Stored records:
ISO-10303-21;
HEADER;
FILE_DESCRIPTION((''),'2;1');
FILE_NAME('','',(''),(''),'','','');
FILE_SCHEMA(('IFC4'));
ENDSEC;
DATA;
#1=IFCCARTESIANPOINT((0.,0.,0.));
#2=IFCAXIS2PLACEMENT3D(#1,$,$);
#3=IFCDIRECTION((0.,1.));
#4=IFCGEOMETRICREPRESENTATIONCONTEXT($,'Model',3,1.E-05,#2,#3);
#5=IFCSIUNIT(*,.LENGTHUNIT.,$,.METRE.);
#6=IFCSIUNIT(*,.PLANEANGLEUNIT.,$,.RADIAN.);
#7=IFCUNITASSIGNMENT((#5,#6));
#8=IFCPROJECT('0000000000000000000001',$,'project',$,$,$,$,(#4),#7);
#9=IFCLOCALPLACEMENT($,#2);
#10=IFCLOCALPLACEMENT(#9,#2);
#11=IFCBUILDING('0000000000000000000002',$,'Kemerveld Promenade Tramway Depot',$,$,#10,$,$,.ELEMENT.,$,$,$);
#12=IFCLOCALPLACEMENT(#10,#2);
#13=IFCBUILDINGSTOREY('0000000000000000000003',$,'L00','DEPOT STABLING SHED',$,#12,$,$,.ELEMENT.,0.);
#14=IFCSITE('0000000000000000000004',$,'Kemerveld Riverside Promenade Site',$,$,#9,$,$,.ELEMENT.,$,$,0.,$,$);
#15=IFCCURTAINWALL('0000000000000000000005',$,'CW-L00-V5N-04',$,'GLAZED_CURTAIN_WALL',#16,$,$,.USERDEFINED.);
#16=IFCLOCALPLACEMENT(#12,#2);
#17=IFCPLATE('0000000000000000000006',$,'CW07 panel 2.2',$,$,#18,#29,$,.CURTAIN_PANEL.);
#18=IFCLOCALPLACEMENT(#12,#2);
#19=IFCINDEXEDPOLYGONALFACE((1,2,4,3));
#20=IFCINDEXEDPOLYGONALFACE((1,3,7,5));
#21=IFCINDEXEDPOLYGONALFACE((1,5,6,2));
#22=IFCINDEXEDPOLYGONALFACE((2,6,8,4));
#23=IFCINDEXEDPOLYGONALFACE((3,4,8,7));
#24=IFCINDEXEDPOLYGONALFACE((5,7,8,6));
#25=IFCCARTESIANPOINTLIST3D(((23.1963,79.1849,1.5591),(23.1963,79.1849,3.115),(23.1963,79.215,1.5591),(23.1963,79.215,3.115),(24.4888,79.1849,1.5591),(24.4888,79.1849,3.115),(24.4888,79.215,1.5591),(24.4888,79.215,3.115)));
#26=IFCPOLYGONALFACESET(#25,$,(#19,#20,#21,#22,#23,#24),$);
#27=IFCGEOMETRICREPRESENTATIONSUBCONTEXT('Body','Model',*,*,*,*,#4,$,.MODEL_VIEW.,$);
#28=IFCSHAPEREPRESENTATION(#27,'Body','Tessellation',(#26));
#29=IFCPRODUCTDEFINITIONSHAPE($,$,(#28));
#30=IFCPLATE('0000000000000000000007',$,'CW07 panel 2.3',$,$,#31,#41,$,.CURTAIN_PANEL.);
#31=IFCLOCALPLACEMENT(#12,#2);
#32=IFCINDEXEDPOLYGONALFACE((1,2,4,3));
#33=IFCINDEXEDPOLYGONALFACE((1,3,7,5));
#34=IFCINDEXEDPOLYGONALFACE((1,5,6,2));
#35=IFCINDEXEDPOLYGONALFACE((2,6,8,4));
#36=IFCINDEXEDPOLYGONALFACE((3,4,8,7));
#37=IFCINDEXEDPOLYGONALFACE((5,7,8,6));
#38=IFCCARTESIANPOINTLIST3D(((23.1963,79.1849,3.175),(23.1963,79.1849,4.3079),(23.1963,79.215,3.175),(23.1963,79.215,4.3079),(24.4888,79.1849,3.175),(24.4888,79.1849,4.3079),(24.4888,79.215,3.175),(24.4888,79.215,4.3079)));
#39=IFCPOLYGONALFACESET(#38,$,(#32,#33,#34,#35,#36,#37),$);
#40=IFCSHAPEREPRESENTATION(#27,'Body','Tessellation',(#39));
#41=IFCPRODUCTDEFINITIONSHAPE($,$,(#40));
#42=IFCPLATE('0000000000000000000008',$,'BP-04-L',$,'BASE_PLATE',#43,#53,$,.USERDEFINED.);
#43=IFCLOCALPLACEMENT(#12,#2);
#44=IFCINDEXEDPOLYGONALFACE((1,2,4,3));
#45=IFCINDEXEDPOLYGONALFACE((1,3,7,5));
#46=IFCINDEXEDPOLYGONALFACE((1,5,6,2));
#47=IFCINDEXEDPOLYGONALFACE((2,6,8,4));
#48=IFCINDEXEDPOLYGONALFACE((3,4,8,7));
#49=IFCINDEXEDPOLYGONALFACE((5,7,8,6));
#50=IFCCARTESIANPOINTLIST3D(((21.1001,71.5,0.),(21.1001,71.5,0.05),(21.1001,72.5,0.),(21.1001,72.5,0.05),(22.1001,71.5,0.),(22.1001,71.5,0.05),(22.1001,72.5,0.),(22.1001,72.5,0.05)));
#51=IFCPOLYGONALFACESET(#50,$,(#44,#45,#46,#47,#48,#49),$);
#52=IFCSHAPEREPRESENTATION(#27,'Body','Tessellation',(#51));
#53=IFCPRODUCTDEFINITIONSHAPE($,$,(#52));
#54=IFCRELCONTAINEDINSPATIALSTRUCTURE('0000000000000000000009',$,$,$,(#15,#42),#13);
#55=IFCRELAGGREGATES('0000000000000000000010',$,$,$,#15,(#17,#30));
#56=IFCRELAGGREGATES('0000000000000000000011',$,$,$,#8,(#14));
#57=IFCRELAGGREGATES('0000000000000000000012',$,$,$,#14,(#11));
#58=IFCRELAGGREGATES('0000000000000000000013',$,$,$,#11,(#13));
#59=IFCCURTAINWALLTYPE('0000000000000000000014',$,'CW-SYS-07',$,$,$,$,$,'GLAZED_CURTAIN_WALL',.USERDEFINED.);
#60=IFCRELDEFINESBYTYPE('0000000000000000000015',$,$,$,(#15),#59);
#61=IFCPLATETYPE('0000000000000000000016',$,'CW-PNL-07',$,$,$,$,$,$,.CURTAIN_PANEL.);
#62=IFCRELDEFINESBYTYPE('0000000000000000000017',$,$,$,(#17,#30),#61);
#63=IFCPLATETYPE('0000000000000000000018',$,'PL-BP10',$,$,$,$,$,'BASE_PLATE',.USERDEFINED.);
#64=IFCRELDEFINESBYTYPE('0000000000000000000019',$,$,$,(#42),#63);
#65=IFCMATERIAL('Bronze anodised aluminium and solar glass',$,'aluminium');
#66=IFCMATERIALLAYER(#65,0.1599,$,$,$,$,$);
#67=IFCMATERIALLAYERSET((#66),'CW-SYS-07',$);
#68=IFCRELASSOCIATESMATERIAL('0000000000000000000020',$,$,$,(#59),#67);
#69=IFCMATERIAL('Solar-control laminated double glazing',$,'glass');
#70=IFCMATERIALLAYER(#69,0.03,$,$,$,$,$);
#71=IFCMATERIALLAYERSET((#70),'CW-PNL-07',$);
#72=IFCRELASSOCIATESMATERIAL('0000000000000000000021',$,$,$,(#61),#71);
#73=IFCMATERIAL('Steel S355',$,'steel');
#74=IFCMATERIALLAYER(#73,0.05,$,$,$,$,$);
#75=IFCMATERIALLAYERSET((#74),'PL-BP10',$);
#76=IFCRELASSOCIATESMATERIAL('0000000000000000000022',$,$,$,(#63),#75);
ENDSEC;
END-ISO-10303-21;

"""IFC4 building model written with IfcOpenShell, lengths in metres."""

from ifc_helpers import new_model, si_unit, direction, frame, origin, origin_2d, place, context, subcontext, project, spatial, rectangle, extrude, material, layer, layer_set, type_object, element, aggregate, save


model = new_model("IFC4")

# Units and contexts
model_context = context("Model", 3, precision=1e-05, world=origin(), true_north=direction((0.0, 1.0)))
body_context = subcontext(model_context, "Body", "Model", "MODEL_VIEW")
ifc_project = project(units=[si_unit("LENGTHUNIT", "METRE"), si_unit("PLANEANGLEUNIT", "RADIAN")], contexts=[model_context])

# Site, building, storey
site_placement = place(None, origin())
site = spatial("IfcSite", under=ifc_project, at=site_placement, Name="Kemerveld Riverside Promenade Site", CompositionType="ELEMENT", RefElevation=0.0)
building_placement = place(site_placement, origin())
building = spatial("IfcBuilding", under=site, at=building_placement, Name="Kemerveld Promenade Tramway Depot", CompositionType="ELEMENT")
storey_placement = place(building_placement, origin())
storey = spatial("IfcBuildingStorey", under=building, at=storey_placement, Name="L00", Description="DEPOT STABLING SHED", CompositionType="ELEMENT", Elevation=0.0)

# Shared definitions
ifc_material_1 = material(Name="Steel S355", Category="steel")

# Curtain wall, plates
ifc_material_2 = material(Name="Bronze anodised aluminium and solar glass", Category="aluminium")
ifc_layer_1 = layer(ifc_material_2, 0.1599)
ifc_layer_set_1 = layer_set([ifc_layer_1], Name="CW-SYS-07")
curtain_wall_type = type_object("IfcCurtainWallType", Name="CW-SYS-07", ElementType="GLAZED_CURTAIN_WALL", PredefinedType="USERDEFINED", material=ifc_layer_set_1)
curtain_wall_placement = place(storey_placement, origin())
curtain_wall = element("IfcCurtainWall", 1, at=curtain_wall_placement, inside=storey, type_object=curtain_wall_type, Name="CW-L00-V5N-04", ObjectType="GLAZED_CURTAIN_WALL", PredefinedType="USERDEFINED")
ifc_material_3 = material(Name="Solar-control laminated double glazing", Category="glass")
ifc_layer_2 = layer(ifc_material_3, 0.03)
ifc_layer_set_2 = layer_set([ifc_layer_2], Name="CW-PNL-07")
plate_type_1 = type_object("IfcPlateType", Name="CW-PNL-07", PredefinedType="CURTAIN_PANEL", material=ifc_layer_set_2)
plate_1_placement = place(storey_placement, frame((23.8425, 79.2, 1.5591), z_axis=(0.0, 0.0, 1.0), x_axis=(1.0, 0.0, 0.0)))
plate_1 = element("IfcPlate", 2, at=plate_1_placement, type_object=plate_type_1, Name="CW07 panel 2.2", PredefinedType="CURTAIN_PANEL", context=body_context, shape_type="SweptSolid", body=[
    extrude(rectangle(XDim=1.2925, YDim=0.03, at=origin_2d()), origin(), (0.0, 0.0, 1.0), 1.5559),
])
plate_2_placement = place(storey_placement, frame((23.8425, 79.2, 3.175), z_axis=(0.0, 0.0, 1.0), x_axis=(1.0, 0.0, 0.0)))
plate_2 = element("IfcPlate", 3, at=plate_2_placement, type_object=plate_type_1, Name="CW07 panel 2.3", PredefinedType="CURTAIN_PANEL", context=body_context, shape_type="SweptSolid", body=[
    extrude(rectangle(XDim=1.2925, YDim=0.03, at=origin_2d()), origin(), (0.0, 0.0, 1.0), 1.1328),
])
aggregate(curtain_wall, [plate_1, plate_2])

# Plate
ifc_layer_3 = layer(ifc_material_1, 0.05)
ifc_layer_set_3 = layer_set([ifc_layer_3], Name="PL-BP10")
plate_type_2 = type_object("IfcPlateType", Name="PL-BP10", ElementType="BASE_PLATE", PredefinedType="USERDEFINED", material=ifc_layer_set_3)
plate_3_placement = place(storey_placement, frame((21.6001, 72.0, 0.0), z_axis=(0.0, 0.0, 1.0), x_axis=(1.0, 0.0, 0.0)))
element("IfcPlate", 4, at=plate_3_placement, inside=storey, type_object=plate_type_2, Name="BP-04-L", ObjectType="BASE_PLATE", PredefinedType="USERDEFINED", context=body_context, shape_type="SweptSolid", body=[
    extrude(rectangle(XDim=1.0, YDim=1.0, at=origin_2d()), origin(), (0.0, 0.0, 1.0), 0.05),
])

save(model, "model.ifc")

WORK REQUIRED: Look above for the line holding "#7=IFCUNITASSIGNMENT((#5,#6));". Print it and every line after it, exactly, through the line holding "#10=IFCLOCALPLACEMENT(#9,#2);".

WORKED SOLUTION:
#7=IFCUNITASSIGNMENT((#5,#6));
#8=IFCPROJECT('0000000000000000000001',$,'project',$,$,$,$,(#4),#7);
#9=IFCLOCALPLACEMENT($,#2);
#10=IFCLOCALPLACEMENT(#9,#2);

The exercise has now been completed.